* [EXERCISE DESCRIPTION] Count the lines in the data below holding the string "from" and write the total by itself.

● ● ● ● ● ● ●

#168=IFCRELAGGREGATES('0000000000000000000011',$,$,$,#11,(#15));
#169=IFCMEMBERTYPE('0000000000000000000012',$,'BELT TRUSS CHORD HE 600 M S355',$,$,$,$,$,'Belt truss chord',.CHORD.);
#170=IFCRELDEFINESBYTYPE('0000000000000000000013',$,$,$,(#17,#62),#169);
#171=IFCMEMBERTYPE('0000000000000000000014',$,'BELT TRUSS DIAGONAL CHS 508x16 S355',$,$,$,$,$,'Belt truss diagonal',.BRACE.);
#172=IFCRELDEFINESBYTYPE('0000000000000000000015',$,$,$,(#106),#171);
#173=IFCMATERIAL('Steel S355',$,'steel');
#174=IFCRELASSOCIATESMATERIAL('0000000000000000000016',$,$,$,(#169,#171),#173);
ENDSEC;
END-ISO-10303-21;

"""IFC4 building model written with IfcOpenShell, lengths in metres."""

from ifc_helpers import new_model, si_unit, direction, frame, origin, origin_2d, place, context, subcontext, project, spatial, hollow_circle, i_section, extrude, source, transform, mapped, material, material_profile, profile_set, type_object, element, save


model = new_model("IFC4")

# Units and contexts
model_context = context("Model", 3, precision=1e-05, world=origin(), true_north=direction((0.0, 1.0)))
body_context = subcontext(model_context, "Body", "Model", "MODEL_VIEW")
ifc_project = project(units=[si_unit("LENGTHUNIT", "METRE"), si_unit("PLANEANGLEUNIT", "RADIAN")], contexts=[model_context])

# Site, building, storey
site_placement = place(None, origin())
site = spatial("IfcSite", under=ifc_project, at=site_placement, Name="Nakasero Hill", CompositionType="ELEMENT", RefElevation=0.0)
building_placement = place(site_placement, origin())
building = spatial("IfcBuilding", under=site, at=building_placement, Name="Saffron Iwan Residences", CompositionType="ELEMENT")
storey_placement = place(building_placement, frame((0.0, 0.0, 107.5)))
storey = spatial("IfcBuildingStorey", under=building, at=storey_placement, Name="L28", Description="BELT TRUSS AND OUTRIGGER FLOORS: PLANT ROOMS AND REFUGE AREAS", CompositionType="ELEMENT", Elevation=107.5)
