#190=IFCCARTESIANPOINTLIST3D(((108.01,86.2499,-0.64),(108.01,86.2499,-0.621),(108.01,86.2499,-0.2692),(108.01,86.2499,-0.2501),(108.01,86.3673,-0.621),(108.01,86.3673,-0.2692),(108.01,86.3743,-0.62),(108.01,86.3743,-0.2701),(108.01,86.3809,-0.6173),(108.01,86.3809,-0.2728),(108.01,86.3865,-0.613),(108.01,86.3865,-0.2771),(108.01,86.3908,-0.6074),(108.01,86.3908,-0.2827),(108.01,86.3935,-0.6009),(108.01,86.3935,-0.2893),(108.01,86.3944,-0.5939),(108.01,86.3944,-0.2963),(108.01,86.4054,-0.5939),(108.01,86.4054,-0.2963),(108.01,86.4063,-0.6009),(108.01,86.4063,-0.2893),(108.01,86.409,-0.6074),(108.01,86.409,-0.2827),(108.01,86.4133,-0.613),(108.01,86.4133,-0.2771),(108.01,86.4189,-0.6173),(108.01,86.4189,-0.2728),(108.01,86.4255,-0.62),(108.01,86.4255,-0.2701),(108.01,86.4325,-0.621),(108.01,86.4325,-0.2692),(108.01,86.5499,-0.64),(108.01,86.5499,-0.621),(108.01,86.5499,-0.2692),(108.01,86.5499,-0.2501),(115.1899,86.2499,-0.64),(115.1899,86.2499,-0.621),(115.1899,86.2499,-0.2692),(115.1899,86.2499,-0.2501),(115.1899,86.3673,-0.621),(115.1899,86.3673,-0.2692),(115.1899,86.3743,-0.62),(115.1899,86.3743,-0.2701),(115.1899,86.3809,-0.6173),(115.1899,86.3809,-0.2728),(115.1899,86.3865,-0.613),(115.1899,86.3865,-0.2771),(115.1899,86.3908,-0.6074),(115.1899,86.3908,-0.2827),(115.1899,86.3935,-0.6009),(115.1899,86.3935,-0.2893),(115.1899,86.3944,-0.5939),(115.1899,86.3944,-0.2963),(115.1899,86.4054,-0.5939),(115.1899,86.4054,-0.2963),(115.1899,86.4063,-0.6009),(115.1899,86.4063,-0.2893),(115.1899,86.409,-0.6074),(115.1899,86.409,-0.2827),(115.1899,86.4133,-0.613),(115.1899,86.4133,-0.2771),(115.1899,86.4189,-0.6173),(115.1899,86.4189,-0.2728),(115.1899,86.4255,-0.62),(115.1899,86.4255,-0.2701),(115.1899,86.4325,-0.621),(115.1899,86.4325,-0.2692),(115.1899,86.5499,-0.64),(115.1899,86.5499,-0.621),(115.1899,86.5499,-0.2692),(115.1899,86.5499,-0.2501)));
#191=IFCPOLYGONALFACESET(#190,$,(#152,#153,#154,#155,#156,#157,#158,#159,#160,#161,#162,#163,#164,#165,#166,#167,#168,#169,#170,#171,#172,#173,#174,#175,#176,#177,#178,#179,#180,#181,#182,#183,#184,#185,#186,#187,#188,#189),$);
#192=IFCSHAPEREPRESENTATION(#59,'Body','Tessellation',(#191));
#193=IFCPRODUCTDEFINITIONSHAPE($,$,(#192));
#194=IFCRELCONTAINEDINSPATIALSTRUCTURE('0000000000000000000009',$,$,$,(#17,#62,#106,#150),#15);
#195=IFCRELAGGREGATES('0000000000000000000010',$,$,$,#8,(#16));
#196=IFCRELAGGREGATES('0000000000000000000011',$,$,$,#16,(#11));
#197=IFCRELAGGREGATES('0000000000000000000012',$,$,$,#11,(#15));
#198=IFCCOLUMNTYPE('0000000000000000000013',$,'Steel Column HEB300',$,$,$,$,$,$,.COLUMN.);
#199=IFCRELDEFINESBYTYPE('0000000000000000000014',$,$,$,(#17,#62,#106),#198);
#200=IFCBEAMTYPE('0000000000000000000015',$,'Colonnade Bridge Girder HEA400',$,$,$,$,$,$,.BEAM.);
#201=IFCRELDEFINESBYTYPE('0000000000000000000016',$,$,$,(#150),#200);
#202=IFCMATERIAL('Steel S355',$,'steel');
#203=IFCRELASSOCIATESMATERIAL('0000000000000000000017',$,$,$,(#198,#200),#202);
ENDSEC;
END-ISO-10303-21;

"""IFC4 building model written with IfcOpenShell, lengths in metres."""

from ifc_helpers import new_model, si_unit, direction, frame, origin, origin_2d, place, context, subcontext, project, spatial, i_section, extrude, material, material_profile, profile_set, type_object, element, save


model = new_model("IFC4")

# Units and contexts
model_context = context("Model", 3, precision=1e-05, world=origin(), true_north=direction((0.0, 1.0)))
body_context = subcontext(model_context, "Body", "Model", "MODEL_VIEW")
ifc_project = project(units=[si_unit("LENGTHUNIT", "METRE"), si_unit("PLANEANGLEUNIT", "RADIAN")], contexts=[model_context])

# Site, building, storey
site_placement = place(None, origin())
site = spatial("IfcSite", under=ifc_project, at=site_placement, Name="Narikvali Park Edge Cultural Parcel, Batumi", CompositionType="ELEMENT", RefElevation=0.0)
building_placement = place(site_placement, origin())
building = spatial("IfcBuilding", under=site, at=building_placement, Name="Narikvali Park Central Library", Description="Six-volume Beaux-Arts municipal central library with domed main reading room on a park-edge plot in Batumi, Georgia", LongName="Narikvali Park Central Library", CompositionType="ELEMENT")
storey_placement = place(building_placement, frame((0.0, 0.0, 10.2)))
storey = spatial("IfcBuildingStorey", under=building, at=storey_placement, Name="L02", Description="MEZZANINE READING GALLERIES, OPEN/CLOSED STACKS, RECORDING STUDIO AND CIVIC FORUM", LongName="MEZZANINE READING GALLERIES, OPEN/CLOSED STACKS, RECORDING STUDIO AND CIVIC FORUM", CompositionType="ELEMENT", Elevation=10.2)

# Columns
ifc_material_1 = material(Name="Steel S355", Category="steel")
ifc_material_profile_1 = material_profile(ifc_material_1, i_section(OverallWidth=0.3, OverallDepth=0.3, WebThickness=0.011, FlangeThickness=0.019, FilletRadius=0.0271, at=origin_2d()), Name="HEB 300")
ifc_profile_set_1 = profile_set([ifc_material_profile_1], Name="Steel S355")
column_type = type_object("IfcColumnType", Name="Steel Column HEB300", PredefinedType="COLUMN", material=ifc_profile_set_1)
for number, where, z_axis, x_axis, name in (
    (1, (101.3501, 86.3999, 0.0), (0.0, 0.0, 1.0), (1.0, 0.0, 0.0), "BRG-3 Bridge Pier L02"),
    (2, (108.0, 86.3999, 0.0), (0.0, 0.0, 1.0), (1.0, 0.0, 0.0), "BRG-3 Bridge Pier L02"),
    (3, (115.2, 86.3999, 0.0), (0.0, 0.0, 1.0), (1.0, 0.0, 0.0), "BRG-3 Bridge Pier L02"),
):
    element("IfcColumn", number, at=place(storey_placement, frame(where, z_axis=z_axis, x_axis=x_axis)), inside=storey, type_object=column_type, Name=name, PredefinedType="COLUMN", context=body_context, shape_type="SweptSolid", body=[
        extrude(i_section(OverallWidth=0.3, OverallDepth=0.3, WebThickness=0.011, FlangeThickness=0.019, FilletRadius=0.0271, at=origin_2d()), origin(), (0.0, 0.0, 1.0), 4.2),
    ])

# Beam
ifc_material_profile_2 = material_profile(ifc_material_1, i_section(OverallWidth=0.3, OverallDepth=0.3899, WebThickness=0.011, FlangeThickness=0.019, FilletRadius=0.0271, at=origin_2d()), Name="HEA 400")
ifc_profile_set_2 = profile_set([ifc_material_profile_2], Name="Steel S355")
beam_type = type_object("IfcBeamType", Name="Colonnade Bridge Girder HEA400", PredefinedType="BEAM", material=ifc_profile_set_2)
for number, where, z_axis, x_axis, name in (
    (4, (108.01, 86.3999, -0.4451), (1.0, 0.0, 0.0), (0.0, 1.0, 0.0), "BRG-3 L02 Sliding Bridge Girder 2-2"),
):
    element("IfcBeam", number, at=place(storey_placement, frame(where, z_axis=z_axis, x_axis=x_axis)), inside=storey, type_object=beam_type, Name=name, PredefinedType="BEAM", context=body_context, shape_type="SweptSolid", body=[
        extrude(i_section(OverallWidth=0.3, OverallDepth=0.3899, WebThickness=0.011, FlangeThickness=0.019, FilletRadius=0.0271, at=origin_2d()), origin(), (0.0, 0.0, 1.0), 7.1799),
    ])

● ● ● ● ● ● ●

* [WRITTEN RESPONSE] 2